Provided records:
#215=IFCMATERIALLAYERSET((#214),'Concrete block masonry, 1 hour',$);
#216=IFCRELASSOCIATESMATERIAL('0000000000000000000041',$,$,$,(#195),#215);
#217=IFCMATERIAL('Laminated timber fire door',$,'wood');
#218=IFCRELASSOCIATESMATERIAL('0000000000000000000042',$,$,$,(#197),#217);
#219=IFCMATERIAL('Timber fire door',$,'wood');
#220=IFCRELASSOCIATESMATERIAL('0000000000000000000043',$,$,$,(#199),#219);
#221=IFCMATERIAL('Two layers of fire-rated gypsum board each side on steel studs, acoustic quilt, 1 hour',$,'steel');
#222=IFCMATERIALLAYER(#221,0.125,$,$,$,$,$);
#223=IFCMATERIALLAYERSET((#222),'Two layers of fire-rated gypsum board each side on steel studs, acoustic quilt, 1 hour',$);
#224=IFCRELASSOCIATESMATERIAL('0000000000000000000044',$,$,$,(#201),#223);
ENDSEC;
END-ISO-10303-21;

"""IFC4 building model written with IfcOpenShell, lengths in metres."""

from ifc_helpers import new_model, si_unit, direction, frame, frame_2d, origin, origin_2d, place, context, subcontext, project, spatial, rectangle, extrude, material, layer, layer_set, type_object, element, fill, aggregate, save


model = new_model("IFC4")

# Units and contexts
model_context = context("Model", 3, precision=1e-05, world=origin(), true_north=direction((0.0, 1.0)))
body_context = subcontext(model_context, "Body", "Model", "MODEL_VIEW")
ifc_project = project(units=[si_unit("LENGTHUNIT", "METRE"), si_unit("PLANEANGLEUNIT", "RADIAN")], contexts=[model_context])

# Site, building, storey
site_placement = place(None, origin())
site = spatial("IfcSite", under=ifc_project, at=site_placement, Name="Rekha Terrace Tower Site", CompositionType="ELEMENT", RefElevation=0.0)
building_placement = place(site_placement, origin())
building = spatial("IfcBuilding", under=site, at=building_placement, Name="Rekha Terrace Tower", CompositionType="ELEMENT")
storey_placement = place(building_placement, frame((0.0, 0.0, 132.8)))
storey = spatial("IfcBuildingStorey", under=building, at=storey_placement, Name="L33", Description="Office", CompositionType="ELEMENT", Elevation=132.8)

---

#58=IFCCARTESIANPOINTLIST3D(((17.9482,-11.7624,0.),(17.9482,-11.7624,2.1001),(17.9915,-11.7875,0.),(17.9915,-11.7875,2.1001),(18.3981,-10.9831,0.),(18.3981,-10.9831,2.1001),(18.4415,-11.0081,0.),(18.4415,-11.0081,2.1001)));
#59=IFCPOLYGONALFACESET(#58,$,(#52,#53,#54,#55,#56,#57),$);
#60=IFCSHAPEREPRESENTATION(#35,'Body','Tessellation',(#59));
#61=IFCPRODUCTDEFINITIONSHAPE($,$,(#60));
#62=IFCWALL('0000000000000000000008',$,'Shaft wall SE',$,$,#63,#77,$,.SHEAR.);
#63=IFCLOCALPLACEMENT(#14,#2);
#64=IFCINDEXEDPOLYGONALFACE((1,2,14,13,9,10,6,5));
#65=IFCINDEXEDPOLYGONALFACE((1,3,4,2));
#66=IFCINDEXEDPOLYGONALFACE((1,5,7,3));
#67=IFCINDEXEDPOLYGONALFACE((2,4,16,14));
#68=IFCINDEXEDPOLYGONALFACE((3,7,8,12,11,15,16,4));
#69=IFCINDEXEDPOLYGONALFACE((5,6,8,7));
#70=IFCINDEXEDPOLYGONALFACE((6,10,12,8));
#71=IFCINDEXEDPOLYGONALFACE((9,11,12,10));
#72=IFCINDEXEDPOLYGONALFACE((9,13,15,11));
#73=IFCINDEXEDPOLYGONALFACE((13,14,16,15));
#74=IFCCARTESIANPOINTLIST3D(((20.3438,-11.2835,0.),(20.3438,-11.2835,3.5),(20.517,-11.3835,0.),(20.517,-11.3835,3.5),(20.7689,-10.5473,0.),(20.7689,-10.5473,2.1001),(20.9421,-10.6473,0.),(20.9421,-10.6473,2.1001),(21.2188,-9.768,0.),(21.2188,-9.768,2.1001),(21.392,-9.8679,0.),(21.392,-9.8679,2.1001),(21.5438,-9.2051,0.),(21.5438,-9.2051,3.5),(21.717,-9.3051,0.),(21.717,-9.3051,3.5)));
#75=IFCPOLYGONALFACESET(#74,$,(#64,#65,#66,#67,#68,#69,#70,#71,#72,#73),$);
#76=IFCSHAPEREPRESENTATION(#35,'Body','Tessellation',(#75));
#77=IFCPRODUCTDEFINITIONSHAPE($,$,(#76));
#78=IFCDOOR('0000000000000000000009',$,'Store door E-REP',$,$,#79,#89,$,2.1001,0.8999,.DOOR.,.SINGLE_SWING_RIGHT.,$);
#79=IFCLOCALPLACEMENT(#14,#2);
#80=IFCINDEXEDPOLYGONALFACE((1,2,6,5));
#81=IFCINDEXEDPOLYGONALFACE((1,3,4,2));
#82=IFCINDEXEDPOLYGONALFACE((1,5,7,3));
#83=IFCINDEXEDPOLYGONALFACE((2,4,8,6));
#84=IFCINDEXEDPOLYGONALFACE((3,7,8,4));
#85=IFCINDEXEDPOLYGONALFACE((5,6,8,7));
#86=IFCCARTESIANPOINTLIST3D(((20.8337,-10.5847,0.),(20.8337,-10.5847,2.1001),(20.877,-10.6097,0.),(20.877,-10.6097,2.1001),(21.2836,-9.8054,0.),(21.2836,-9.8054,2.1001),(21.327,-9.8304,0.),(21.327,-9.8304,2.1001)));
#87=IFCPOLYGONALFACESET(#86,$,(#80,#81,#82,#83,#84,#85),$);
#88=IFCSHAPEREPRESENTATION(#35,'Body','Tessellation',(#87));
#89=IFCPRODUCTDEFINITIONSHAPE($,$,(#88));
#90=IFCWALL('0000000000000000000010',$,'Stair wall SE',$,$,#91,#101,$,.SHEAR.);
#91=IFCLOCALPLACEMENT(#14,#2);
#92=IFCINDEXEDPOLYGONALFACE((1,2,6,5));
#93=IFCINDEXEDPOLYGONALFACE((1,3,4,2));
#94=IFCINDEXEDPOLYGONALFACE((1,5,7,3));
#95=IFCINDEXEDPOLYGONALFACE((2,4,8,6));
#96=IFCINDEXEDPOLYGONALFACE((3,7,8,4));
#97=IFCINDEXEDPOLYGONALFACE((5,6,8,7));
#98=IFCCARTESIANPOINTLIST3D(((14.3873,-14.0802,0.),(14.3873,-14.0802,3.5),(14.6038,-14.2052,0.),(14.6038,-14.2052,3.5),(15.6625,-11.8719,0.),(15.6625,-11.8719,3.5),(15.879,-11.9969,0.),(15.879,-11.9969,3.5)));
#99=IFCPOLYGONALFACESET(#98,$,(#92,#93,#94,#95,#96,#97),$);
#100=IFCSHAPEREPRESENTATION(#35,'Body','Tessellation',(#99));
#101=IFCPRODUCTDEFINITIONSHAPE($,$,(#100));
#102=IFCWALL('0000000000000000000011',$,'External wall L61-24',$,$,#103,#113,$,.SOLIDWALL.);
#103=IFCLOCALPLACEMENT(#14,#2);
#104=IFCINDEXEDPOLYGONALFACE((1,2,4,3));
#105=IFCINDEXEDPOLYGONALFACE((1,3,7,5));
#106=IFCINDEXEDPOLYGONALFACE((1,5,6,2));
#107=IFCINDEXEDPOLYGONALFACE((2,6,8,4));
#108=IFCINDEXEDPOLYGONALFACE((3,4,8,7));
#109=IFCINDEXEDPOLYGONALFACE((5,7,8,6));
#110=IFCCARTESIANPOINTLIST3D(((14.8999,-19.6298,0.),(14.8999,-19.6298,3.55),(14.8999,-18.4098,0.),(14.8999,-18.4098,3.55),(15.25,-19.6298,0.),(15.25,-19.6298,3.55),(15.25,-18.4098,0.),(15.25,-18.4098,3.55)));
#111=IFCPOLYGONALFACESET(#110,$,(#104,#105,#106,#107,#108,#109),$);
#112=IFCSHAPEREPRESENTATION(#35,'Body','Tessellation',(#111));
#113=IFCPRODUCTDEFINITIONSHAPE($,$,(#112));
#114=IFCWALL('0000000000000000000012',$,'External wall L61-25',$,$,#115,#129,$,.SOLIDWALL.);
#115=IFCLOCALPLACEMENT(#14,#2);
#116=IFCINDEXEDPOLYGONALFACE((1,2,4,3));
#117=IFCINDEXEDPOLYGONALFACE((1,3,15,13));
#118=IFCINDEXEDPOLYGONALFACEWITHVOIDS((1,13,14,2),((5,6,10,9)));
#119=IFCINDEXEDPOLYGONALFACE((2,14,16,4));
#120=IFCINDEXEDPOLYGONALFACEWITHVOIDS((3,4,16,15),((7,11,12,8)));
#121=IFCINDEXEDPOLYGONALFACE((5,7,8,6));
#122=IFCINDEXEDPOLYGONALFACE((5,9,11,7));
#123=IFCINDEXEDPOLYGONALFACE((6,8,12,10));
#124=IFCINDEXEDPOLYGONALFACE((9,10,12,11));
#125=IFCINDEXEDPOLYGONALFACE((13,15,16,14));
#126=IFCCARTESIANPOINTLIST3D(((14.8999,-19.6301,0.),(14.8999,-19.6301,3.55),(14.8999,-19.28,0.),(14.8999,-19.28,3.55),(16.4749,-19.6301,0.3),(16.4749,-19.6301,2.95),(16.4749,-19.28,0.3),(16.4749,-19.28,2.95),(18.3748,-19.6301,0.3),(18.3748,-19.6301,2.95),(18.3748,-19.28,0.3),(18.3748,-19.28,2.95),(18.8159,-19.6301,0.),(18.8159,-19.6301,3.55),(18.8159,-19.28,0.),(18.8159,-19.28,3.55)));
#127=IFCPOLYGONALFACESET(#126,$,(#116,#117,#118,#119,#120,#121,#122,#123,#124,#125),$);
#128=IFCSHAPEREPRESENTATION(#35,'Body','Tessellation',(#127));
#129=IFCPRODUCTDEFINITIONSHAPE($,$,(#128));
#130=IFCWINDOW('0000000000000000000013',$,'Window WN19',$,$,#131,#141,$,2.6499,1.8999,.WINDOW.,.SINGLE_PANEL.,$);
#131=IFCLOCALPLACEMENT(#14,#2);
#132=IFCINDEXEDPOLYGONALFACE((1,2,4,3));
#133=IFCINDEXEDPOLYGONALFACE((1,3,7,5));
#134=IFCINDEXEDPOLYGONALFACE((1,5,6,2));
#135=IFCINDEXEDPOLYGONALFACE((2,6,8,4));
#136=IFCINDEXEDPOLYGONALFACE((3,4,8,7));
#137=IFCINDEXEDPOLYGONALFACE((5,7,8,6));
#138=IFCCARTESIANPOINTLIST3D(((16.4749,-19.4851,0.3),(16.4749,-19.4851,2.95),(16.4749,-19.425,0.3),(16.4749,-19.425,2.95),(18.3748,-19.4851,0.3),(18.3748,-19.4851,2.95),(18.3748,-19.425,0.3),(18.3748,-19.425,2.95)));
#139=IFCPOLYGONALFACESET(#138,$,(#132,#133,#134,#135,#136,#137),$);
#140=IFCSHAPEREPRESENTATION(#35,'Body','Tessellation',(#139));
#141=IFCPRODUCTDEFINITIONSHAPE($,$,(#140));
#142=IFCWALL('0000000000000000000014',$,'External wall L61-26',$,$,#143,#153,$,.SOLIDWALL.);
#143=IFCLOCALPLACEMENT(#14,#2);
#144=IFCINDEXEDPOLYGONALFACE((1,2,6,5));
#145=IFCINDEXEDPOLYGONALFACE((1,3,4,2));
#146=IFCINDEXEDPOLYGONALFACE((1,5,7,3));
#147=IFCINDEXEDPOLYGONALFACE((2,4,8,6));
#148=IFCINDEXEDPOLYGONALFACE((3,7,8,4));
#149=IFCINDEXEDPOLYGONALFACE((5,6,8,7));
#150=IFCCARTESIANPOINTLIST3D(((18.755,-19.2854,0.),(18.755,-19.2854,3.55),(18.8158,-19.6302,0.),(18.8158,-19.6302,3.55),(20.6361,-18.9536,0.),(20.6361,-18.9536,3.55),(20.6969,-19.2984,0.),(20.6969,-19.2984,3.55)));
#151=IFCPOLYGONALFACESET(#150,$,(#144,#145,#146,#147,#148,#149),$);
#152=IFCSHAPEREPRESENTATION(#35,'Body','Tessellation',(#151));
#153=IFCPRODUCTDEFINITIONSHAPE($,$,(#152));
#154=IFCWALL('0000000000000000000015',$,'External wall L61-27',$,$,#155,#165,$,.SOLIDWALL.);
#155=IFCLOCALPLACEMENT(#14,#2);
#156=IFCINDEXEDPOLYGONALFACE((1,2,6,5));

* * *

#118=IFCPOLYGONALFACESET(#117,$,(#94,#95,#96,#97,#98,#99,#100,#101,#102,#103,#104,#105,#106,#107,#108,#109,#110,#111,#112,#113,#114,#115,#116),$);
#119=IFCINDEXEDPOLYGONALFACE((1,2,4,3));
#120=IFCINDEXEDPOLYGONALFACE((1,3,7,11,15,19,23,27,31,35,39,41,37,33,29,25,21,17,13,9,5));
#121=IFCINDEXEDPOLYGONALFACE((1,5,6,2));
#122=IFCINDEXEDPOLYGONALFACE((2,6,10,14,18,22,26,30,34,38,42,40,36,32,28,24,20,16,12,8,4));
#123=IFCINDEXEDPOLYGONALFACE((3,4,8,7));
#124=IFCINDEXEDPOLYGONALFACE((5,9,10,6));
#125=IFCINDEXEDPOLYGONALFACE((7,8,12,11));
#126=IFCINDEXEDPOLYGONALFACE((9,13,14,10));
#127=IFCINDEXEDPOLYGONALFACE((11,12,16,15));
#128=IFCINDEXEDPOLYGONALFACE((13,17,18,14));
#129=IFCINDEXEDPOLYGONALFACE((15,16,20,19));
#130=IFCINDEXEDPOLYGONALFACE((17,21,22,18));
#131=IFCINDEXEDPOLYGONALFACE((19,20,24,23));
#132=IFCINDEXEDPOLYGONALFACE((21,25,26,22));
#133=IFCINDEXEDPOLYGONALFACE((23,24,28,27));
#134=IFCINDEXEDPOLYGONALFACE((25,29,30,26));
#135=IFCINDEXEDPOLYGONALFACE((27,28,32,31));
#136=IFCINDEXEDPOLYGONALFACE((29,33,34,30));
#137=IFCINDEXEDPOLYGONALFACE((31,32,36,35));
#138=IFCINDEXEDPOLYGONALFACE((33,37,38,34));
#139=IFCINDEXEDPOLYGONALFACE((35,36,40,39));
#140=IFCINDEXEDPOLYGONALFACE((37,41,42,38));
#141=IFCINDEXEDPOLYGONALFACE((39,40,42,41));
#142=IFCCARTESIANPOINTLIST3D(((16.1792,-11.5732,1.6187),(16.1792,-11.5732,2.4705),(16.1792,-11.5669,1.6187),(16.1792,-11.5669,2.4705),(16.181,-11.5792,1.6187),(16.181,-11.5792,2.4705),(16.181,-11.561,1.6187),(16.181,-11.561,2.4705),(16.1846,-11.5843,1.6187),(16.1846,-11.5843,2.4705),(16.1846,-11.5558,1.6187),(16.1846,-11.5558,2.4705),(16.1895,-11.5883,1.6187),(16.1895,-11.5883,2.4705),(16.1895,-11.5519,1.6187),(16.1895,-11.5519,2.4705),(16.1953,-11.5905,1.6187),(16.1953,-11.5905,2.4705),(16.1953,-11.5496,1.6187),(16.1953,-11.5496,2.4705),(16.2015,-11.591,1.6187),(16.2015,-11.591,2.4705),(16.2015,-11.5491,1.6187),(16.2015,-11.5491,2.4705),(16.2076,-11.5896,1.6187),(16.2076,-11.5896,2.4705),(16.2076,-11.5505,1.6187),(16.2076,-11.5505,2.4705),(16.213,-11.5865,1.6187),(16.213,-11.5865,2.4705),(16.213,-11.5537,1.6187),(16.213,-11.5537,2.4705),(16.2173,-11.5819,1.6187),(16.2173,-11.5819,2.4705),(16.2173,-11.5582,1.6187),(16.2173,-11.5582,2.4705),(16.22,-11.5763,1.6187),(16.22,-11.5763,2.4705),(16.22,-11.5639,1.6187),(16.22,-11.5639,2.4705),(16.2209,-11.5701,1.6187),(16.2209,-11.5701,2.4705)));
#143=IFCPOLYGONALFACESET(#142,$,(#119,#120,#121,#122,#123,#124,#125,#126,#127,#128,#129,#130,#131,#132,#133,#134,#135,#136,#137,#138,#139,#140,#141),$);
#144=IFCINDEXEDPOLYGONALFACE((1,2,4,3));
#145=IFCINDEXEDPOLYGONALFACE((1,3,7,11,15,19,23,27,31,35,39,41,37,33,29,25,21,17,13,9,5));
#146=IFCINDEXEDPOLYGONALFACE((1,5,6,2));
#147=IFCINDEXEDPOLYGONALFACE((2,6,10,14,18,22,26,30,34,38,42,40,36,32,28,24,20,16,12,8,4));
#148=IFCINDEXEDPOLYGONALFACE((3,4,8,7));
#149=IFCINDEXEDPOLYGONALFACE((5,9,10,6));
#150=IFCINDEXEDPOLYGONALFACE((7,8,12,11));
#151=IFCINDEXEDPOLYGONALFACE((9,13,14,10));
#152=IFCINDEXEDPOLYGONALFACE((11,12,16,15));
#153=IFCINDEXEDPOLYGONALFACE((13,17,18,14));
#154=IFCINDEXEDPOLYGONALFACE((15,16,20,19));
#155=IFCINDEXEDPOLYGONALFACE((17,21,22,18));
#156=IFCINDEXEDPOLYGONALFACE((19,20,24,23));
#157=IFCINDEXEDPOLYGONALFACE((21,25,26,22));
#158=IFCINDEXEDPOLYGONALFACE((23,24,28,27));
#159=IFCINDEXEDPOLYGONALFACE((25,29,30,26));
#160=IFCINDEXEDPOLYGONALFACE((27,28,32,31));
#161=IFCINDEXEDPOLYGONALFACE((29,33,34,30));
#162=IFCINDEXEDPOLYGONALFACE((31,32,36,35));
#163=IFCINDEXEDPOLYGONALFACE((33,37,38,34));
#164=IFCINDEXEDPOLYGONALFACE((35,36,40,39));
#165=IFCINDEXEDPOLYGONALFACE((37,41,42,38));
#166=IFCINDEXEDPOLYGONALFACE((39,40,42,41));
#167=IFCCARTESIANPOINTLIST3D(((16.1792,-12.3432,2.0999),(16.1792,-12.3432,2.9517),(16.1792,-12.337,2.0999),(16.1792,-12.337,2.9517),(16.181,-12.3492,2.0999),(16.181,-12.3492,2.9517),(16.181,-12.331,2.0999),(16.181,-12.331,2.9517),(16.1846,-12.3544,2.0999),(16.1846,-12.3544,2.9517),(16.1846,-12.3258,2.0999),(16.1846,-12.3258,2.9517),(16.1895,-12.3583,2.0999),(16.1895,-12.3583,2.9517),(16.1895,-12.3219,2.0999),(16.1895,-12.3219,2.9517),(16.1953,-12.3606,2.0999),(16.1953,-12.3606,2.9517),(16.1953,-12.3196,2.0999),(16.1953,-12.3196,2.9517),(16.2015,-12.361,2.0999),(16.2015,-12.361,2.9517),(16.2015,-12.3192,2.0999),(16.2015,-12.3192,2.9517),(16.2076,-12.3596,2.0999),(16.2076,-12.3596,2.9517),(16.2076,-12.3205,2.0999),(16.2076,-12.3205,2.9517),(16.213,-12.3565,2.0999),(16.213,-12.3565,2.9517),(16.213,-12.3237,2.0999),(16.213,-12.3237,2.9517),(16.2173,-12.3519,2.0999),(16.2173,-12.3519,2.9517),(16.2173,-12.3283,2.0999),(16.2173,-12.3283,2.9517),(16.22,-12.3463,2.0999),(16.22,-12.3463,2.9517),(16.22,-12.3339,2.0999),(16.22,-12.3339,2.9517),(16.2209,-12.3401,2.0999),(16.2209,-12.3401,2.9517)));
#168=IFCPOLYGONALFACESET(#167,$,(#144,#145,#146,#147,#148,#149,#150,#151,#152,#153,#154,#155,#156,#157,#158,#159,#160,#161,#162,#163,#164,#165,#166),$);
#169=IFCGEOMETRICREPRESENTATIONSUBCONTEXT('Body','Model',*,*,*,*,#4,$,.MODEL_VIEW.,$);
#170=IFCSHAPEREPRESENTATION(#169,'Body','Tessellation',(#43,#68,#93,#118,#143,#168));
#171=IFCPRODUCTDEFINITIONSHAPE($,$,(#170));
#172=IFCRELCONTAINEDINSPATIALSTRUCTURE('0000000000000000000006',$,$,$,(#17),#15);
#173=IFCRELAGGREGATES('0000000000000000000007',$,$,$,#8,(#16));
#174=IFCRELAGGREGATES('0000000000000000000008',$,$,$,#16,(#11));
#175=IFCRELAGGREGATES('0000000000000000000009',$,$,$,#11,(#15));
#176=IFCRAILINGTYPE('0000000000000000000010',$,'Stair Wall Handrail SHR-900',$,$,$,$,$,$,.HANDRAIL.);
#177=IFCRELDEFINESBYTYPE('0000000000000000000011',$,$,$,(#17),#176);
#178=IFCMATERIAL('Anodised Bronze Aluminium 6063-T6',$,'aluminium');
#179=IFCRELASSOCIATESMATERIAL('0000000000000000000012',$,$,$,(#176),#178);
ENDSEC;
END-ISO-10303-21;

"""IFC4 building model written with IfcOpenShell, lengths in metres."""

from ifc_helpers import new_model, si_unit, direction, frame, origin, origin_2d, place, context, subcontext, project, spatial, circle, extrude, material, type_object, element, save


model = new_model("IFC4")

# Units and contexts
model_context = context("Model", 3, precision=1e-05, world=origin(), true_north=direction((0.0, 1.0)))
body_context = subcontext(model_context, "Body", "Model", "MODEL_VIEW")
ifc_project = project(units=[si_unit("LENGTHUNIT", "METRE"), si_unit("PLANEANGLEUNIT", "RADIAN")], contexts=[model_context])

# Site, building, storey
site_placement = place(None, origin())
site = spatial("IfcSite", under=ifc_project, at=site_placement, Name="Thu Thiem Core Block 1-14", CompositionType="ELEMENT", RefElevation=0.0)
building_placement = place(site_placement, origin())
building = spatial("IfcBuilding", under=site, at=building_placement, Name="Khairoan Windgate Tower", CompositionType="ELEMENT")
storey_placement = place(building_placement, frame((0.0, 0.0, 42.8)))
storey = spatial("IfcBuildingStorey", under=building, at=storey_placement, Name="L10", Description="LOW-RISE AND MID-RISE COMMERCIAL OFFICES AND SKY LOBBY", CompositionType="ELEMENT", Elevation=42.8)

Your task: Look over the entries for "IFCLOCALPLACEMENT", then copy every line that includes that string.

Reply to the task:
#63=IFCLOCALPLACEMENT(#14,#2);
#79=IFCLOCALPLACEMENT(#14,#2);
#91=IFCLOCALPLACEMENT(#14,#2);
#103=IFCLOCALPLACEMENT(#14,#2);
#115=IFCLOCALPLACEMENT(#14,#2);
#131=IFCLOCALPLACEMENT(#14,#2);
#143=IFCLOCALPLACEMENT(#14,#2);
#155=IFCLOCALPLACEMENT(#14,#2);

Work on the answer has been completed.